# WORK ORDER
Please repeat, unchanged, the lines at the top of the listing below, ending with the one that has "#209=IFCMATERIALLAYERSET((#208),'Steel Grade 350".
- Opening Delimiter -
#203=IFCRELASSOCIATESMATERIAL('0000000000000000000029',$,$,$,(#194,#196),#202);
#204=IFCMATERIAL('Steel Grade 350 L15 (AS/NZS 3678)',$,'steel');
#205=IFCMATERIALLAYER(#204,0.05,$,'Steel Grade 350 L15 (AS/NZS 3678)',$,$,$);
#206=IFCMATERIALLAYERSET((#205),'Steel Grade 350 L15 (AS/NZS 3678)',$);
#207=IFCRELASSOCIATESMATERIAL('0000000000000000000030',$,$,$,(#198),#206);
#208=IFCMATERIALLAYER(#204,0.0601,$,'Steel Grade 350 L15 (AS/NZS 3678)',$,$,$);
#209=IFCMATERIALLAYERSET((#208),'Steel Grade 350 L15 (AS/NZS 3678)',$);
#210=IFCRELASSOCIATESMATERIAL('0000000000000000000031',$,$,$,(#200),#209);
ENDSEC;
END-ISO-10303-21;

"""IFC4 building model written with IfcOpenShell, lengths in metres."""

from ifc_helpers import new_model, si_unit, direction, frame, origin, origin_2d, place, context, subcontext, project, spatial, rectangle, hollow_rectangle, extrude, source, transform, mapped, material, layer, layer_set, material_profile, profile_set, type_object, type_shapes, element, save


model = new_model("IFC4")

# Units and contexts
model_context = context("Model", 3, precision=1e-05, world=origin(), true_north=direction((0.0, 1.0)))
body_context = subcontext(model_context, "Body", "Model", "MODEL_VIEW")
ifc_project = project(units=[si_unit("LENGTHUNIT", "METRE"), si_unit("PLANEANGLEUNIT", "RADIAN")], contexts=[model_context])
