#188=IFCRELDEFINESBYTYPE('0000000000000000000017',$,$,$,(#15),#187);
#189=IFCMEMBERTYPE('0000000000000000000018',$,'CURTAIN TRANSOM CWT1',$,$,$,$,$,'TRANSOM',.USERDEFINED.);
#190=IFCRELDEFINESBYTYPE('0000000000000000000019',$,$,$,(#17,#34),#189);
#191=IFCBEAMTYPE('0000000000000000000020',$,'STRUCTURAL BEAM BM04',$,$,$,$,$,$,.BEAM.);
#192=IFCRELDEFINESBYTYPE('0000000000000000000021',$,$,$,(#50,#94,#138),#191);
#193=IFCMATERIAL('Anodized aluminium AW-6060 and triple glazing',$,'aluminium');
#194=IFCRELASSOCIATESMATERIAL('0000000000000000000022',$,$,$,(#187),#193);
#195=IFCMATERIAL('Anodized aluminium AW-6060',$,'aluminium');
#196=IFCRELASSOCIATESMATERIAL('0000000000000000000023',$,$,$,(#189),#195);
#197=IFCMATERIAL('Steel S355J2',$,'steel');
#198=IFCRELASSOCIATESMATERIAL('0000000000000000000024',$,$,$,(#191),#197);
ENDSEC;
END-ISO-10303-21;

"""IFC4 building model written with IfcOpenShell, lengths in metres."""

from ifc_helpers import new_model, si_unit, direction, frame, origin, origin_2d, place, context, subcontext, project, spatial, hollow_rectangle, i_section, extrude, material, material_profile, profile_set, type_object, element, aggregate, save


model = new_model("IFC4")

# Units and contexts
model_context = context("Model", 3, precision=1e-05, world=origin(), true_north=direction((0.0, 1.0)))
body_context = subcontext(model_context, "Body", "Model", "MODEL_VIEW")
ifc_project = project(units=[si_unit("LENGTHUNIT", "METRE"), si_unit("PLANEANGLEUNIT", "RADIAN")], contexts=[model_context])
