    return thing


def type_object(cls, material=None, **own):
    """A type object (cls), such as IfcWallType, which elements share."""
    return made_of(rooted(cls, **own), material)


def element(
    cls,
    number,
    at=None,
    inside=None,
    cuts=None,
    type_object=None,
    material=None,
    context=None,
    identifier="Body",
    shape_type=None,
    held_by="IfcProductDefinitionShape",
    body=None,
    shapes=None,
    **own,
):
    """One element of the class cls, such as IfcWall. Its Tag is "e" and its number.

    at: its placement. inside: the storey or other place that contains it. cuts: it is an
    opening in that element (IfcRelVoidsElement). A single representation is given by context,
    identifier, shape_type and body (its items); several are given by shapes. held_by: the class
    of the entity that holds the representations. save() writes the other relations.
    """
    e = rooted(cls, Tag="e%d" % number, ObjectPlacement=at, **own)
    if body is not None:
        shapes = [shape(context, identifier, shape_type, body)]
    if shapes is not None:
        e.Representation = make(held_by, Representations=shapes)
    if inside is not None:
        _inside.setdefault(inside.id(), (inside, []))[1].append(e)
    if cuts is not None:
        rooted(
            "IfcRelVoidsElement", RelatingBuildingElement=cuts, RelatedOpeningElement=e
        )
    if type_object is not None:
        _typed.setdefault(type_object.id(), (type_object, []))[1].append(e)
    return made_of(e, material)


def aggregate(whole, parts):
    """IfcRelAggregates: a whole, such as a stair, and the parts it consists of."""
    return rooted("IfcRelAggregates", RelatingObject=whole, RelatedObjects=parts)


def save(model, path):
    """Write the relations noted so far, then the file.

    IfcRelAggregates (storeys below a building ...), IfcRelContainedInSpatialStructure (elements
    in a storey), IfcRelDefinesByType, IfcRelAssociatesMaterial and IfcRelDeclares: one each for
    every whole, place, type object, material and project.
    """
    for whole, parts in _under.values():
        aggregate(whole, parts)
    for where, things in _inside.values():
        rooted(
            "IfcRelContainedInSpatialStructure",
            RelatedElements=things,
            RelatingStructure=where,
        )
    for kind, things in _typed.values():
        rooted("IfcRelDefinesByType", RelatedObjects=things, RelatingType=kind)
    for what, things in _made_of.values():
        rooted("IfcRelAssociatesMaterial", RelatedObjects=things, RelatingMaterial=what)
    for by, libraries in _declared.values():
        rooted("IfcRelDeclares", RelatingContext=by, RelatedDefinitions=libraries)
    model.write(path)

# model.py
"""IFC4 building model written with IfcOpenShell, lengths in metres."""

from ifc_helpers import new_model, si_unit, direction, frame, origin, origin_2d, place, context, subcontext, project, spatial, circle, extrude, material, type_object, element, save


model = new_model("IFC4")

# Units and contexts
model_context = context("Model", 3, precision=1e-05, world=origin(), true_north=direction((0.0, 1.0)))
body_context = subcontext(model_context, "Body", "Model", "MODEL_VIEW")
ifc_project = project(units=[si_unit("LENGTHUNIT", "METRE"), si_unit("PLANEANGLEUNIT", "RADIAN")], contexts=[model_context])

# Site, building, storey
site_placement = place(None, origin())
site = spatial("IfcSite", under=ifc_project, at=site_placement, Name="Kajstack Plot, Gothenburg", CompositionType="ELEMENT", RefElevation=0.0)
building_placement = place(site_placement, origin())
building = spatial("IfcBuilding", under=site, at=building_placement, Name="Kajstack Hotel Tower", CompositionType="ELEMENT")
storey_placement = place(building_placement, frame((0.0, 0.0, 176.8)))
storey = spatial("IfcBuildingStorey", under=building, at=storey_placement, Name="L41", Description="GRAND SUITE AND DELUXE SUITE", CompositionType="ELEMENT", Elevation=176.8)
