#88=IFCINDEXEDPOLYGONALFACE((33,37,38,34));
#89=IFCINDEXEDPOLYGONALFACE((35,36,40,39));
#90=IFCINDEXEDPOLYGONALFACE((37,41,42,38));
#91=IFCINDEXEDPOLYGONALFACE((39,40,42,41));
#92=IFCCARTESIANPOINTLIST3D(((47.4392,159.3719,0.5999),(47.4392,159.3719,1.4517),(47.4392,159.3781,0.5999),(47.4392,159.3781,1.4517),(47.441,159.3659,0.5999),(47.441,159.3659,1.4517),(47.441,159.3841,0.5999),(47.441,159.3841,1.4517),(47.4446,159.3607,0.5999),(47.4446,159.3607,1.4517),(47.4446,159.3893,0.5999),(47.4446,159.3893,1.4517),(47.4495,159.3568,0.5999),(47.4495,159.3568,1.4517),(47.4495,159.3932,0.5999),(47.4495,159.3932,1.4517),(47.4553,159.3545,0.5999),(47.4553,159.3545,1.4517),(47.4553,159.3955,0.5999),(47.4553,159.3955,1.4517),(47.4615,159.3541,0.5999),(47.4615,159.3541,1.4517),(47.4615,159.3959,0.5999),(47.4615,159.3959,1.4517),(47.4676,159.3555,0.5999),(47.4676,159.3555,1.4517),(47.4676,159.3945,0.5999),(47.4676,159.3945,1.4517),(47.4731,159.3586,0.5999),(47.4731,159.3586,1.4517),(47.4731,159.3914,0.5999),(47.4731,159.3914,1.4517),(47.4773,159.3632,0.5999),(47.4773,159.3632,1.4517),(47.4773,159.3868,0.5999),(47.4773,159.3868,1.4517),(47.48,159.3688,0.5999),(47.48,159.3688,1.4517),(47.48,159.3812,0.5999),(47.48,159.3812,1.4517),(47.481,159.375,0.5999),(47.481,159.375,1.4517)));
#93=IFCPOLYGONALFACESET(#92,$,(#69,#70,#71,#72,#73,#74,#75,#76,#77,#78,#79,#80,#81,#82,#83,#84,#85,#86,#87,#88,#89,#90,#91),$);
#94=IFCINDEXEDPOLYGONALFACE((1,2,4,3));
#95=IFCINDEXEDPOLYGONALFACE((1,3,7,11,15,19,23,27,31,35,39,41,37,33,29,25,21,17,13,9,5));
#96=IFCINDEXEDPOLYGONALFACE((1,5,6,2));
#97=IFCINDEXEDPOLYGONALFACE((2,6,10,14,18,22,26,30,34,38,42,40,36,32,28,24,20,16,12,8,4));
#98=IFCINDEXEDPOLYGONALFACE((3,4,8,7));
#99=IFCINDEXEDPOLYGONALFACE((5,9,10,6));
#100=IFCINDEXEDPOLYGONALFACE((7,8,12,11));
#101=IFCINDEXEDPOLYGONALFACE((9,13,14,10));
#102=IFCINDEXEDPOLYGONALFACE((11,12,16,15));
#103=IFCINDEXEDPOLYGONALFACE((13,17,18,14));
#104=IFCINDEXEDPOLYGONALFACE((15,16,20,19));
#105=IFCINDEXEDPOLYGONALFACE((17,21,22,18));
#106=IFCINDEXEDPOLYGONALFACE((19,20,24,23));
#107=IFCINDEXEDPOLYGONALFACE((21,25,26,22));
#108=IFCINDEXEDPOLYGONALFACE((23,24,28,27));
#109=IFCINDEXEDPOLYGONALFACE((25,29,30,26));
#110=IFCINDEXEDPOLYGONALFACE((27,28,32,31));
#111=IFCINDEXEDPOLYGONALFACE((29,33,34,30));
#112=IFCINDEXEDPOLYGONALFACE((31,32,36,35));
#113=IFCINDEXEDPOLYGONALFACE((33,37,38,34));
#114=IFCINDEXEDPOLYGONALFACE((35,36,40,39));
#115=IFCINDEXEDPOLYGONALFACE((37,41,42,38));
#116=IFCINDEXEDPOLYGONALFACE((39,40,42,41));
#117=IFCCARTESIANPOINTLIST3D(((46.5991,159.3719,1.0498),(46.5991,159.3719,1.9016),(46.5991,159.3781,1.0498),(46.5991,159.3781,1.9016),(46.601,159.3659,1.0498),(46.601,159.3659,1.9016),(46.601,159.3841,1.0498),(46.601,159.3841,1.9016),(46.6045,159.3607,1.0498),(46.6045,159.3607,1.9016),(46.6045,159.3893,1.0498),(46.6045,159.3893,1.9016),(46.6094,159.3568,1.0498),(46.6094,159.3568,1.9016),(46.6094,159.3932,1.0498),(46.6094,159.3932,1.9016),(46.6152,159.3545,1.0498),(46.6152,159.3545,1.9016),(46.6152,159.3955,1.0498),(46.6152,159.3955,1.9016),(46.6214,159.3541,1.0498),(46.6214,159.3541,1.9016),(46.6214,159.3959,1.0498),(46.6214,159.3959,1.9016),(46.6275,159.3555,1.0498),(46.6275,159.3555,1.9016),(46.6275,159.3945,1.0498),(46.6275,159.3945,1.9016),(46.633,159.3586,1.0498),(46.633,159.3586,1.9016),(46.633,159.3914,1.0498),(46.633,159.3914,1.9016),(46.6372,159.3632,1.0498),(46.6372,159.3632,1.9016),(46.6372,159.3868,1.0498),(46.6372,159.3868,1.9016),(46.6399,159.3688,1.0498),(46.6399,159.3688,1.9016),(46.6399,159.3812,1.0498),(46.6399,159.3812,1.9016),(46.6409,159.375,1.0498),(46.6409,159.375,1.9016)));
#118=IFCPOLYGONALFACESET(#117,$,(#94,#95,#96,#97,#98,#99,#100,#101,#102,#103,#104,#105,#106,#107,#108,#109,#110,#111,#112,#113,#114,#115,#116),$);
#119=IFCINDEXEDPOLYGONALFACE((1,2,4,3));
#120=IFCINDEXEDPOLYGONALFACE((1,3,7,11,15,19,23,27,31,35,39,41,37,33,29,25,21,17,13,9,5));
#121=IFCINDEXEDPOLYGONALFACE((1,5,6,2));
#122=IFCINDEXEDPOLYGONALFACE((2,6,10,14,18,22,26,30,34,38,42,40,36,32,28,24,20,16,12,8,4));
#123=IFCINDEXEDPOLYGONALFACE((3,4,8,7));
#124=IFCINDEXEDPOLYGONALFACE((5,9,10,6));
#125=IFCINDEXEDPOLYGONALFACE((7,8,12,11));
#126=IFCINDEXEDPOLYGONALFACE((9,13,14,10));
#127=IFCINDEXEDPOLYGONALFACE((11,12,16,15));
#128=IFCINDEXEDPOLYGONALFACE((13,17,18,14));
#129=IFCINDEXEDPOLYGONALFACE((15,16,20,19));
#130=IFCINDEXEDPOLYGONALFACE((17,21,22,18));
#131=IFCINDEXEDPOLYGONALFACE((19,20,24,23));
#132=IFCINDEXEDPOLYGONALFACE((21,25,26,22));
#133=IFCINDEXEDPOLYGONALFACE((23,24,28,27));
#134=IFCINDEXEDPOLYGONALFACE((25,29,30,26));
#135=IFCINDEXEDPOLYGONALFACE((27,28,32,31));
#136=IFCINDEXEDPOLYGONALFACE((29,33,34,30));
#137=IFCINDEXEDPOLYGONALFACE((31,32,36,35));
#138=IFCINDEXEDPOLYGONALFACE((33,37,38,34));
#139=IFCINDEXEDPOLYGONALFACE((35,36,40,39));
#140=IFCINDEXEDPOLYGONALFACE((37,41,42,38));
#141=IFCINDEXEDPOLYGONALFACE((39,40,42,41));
- Closing Delimiter -
# EXERCISE OUTPUT
#203=IFCRELASSOCIATESMATERIAL('0000000000000000000029',$,$,$,(#194,#196),#202);
#204=IFCMATERIAL('Steel Grade 350 L15 (AS/NZS 3678)',$,'steel');
#205=IFCMATERIALLAYER(#204,0.05,$,'Steel Grade 350 L15 (AS/NZS 3678)',$,$,$);
#206=IFCMATERIALLAYERSET((#205),'Steel Grade 350 L15 (AS/NZS 3678)',$);
#207=IFCRELASSOCIATESMATERIAL('0000000000000000000030',$,$,$,(#198),#206);
#208=IFCMATERIALLAYER(#204,0.0601,$,'Steel Grade 350 L15 (AS/NZS 3678)',$,$,$);
#209=IFCMATERIALLAYERSET((#208),'Steel Grade 350 L15 (AS/NZS 3678)',$);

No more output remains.